◆ Directions ◆
Reproduce the records below exactly, but only between the lines holding "#150=IFCINDEXEDPOLYGONALFACE((53,55,63,61));" and "#154=IFCINDEXEDPOLYGONALFACE((61,63,71,69));", inclusive.

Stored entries
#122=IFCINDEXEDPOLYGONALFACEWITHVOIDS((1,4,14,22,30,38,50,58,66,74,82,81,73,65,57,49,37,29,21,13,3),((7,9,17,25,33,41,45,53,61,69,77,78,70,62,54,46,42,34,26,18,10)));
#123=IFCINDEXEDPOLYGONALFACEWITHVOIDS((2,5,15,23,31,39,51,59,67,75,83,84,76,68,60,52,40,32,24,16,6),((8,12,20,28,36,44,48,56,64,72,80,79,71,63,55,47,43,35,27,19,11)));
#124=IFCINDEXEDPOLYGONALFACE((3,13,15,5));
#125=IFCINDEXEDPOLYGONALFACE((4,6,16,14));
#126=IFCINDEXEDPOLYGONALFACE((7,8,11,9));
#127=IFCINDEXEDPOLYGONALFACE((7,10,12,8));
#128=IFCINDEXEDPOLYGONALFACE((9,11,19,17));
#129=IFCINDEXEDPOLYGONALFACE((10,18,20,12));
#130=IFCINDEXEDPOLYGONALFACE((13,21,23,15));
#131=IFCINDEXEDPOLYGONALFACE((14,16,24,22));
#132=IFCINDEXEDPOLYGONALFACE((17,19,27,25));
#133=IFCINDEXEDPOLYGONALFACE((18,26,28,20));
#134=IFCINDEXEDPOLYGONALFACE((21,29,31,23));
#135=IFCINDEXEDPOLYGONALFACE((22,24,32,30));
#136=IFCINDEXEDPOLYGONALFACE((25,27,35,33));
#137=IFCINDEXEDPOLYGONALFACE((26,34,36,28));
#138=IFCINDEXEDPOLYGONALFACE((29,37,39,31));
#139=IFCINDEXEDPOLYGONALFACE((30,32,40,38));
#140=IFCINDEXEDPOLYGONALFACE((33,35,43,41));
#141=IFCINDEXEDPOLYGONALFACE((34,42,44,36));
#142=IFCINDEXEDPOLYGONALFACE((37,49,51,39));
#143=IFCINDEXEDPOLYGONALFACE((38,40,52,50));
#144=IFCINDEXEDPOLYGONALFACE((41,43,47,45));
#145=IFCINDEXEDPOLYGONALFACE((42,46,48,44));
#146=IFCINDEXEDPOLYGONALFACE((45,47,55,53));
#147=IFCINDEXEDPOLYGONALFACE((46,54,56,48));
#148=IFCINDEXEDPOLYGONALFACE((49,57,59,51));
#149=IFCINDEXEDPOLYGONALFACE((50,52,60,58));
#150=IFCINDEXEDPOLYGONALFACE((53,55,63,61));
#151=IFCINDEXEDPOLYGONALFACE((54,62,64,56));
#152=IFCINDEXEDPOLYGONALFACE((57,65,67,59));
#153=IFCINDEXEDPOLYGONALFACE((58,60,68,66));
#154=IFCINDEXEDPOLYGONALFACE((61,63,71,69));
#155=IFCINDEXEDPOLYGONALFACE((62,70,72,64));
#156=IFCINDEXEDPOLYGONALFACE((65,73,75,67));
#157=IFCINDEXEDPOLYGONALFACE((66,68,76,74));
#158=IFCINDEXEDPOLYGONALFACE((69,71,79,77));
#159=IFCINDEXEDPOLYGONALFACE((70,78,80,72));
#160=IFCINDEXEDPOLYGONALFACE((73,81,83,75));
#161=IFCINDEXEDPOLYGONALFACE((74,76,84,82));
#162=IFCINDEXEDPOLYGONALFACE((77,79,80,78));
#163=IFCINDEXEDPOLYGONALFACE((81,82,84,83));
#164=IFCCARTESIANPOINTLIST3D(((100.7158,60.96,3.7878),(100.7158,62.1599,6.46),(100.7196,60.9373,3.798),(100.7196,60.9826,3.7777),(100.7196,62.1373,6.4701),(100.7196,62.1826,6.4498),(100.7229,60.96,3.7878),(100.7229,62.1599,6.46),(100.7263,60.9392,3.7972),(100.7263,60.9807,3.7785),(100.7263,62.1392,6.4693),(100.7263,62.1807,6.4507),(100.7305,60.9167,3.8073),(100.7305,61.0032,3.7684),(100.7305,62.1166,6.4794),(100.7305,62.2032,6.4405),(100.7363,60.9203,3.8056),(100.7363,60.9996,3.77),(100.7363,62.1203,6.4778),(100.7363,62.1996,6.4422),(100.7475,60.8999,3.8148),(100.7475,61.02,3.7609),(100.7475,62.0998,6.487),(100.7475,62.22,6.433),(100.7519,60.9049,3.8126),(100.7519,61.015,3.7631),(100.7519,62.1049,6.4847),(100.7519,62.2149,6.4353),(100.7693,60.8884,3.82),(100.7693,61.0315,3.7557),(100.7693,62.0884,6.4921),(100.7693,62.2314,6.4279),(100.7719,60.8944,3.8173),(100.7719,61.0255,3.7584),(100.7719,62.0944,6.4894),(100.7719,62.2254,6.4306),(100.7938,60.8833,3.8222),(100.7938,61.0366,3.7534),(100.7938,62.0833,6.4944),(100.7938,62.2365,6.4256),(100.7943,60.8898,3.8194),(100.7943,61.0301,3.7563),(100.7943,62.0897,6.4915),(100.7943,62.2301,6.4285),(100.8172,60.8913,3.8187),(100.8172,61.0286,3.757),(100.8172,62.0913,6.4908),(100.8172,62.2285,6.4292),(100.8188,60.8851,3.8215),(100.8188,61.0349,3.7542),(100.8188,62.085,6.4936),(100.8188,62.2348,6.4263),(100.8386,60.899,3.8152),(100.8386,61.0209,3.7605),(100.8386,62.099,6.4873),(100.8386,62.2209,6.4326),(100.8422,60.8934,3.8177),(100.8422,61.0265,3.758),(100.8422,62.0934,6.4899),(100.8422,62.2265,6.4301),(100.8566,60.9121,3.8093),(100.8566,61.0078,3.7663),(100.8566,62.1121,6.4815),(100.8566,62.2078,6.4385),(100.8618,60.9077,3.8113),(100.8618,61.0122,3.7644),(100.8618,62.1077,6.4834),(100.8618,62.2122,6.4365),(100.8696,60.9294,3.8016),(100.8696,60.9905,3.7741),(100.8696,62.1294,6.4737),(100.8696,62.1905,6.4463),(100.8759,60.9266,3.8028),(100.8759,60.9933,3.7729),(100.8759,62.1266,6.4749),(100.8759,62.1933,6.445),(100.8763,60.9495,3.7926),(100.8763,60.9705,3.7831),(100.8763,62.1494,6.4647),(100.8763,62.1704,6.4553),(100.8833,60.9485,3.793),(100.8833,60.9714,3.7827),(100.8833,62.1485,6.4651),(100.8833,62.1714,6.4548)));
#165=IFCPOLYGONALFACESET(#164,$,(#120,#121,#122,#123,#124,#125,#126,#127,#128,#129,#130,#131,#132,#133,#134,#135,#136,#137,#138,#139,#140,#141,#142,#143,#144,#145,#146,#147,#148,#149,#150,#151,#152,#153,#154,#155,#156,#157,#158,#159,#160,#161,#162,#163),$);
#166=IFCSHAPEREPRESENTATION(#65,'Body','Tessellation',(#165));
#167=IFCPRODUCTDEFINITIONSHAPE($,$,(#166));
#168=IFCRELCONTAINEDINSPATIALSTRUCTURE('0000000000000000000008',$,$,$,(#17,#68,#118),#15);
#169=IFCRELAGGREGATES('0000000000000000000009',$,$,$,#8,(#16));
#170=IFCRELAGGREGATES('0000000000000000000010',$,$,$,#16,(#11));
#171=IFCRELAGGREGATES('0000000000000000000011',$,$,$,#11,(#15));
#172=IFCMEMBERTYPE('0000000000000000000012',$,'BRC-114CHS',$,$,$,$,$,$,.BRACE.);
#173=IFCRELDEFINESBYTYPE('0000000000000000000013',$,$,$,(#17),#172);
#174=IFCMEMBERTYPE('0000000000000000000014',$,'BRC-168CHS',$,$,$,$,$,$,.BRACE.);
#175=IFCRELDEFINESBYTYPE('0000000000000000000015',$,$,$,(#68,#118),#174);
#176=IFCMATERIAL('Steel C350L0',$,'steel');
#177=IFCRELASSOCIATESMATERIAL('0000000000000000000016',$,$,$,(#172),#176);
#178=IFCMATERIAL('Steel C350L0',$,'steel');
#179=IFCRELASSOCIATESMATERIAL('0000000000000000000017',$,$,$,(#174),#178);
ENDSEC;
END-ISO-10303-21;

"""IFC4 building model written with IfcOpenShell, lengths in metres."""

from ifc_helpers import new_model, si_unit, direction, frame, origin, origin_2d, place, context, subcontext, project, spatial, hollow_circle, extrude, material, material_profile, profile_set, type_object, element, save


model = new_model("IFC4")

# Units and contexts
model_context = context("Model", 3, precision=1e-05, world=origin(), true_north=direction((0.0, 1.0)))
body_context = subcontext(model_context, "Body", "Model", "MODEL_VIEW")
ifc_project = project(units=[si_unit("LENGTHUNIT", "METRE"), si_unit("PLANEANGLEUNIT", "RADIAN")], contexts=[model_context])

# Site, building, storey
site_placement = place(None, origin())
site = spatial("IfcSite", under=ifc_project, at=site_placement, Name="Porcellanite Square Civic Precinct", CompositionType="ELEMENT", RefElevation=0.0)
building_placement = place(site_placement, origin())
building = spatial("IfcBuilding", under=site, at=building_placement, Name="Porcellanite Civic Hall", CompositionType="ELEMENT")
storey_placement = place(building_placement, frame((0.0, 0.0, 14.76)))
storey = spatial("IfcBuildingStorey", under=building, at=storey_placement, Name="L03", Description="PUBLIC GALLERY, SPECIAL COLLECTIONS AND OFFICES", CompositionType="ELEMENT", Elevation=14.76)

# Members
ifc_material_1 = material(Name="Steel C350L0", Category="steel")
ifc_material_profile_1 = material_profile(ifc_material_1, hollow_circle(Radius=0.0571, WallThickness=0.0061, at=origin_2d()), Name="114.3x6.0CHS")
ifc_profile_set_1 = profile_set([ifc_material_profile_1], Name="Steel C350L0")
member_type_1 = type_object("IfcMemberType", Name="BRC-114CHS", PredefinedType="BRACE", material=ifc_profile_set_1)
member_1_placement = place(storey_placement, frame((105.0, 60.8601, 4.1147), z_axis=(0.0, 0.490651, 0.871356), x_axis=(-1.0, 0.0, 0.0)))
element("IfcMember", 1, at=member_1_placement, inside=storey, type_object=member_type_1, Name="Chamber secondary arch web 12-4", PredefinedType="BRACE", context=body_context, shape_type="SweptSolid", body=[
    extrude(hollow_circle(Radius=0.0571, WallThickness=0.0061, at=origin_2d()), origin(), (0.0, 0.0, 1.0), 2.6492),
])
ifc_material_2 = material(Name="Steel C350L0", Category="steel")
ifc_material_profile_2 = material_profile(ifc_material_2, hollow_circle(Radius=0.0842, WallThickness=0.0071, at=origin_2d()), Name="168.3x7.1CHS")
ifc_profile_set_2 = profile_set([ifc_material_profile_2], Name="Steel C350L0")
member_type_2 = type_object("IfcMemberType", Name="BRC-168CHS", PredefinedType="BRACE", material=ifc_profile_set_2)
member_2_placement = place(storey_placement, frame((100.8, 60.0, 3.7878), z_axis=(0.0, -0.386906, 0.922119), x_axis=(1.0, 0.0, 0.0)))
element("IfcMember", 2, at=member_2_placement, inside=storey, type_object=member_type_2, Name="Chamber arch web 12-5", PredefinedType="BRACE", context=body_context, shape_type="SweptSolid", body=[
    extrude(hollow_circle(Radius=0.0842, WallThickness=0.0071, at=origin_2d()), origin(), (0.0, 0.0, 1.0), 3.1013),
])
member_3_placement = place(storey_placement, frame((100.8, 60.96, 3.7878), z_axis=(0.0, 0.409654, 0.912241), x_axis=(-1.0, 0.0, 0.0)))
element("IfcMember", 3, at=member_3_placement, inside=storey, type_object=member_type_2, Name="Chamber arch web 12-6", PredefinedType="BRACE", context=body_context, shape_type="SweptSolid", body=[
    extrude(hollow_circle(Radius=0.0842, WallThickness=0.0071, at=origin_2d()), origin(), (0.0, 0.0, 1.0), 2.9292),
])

◆ Written response ◆
#150=IFCINDEXEDPOLYGONALFACE((53,55,63,61));
#151=IFCINDEXEDPOLYGONALFACE((54,62,64,56));
#152=IFCINDEXEDPOLYGONALFACE((57,65,67,59));
#153=IFCINDEXEDPOLYGONALFACE((58,60,68,66));
#154=IFCINDEXEDPOLYGONALFACE((61,63,71,69));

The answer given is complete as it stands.